= TASK OBJECTIVE =
This task is to restate all of the entries exactly.

= MATERIAL TO PROCESS =
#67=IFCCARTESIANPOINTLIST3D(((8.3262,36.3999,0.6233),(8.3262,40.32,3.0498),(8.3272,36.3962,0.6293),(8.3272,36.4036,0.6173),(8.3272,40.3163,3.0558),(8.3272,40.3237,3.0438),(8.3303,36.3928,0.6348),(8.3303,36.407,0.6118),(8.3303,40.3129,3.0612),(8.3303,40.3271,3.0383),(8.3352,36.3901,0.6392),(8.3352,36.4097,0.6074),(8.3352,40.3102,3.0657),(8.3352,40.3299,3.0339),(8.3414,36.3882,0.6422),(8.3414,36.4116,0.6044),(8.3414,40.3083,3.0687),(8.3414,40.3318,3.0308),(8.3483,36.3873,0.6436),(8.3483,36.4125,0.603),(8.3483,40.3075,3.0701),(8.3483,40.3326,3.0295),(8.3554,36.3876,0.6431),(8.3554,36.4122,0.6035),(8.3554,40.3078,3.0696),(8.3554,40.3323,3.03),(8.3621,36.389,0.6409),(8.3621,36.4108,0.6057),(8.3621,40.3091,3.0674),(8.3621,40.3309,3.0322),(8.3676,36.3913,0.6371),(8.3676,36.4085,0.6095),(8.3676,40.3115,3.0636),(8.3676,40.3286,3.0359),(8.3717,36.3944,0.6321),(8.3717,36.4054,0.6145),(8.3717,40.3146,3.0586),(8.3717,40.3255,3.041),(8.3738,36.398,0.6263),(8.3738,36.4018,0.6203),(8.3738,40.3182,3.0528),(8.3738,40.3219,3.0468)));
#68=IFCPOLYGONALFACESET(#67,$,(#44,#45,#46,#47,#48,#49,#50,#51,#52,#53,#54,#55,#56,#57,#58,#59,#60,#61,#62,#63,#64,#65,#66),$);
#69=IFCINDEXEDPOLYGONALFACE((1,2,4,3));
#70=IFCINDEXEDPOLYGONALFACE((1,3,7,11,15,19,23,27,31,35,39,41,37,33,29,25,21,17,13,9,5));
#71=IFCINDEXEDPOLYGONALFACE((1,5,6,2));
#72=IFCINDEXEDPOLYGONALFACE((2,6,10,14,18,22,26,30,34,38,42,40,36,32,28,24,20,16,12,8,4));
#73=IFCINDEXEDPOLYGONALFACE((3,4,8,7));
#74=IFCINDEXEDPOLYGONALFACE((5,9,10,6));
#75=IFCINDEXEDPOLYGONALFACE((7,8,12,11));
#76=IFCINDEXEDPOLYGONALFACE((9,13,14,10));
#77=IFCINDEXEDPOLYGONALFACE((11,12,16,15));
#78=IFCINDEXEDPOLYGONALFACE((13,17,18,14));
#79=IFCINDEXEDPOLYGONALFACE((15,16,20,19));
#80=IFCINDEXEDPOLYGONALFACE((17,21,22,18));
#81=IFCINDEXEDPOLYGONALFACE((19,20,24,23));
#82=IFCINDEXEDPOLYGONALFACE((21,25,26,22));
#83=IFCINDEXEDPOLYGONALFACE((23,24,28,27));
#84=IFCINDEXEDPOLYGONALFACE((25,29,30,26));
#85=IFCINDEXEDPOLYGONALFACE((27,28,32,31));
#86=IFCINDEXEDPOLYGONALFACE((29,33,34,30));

= TASK SOLUTION =
#67=IFCCARTESIANPOINTLIST3D(((8.3262,36.3999,0.6233),(8.3262,40.32,3.0498),(8.3272,36.3962,0.6293),(8.3272,36.4036,0.6173),(8.3272,40.3163,3.0558),(8.3272,40.3237,3.0438),(8.3303,36.3928,0.6348),(8.3303,36.407,0.6118),(8.3303,40.3129,3.0612),(8.3303,40.3271,3.0383),(8.3352,36.3901,0.6392),(8.3352,36.4097,0.6074),(8.3352,40.3102,3.0657),(8.3352,40.3299,3.0339),(8.3414,36.3882,0.6422),(8.3414,36.4116,0.6044),(8.3414,40.3083,3.0687),(8.3414,40.3318,3.0308),(8.3483,36.3873,0.6436),(8.3483,36.4125,0.603),(8.3483,40.3075,3.0701),(8.3483,40.3326,3.0295),(8.3554,36.3876,0.6431),(8.3554,36.4122,0.6035),(8.3554,40.3078,3.0696),(8.3554,40.3323,3.03),(8.3621,36.389,0.6409),(8.3621,36.4108,0.6057),(8.3621,40.3091,3.0674),(8.3621,40.3309,3.0322),(8.3676,36.3913,0.6371),(8.3676,36.4085,0.6095),(8.3676,40.3115,3.0636),(8.3676,40.3286,3.0359),(8.3717,36.3944,0.6321),(8.3717,36.4054,0.6145),(8.3717,40.3146,3.0586),(8.3717,40.3255,3.041),(8.3738,36.398,0.6263),(8.3738,36.4018,0.6203),(8.3738,40.3182,3.0528),(8.3738,40.3219,3.0468)));
#68=IFCPOLYGONALFACESET(#67,$,(#44,#45,#46,#47,#48,#49,#50,#51,#52,#53,#54,#55,#56,#57,#58,#59,#60,#61,#62,#63,#64,#65,#66),$);
#69=IFCINDEXEDPOLYGONALFACE((1,2,4,3));
#70=IFCINDEXEDPOLYGONALFACE((1,3,7,11,15,19,23,27,31,35,39,41,37,33,29,25,21,17,13,9,5));
#71=IFCINDEXEDPOLYGONALFACE((1,5,6,2));
#72=IFCINDEXEDPOLYGONALFACE((2,6,10,14,18,22,26,30,34,38,42,40,36,32,28,24,20,16,12,8,4));
#73=IFCINDEXEDPOLYGONALFACE((3,4,8,7));
#74=IFCINDEXEDPOLYGONALFACE((5,9,10,6));
#75=IFCINDEXEDPOLYGONALFACE((7,8,12,11));
#76=IFCINDEXEDPOLYGONALFACE((9,13,14,10));
#77=IFCINDEXEDPOLYGONALFACE((11,12,16,15));
#78=IFCINDEXEDPOLYGONALFACE((13,17,18,14));
#79=IFCINDEXEDPOLYGONALFACE((15,16,20,19));
#80=IFCINDEXEDPOLYGONALFACE((17,21,22,18));
#81=IFCINDEXEDPOLYGONALFACE((19,20,24,23));
#82=IFCINDEXEDPOLYGONALFACE((21,25,26,22));
#83=IFCINDEXEDPOLYGONALFACE((23,24,28,27));
#84=IFCINDEXEDPOLYGONALFACE((25,29,30,26));
#85=IFCINDEXEDPOLYGONALFACE((27,28,32,31));
#86=IFCINDEXEDPOLYGONALFACE((29,33,34,30));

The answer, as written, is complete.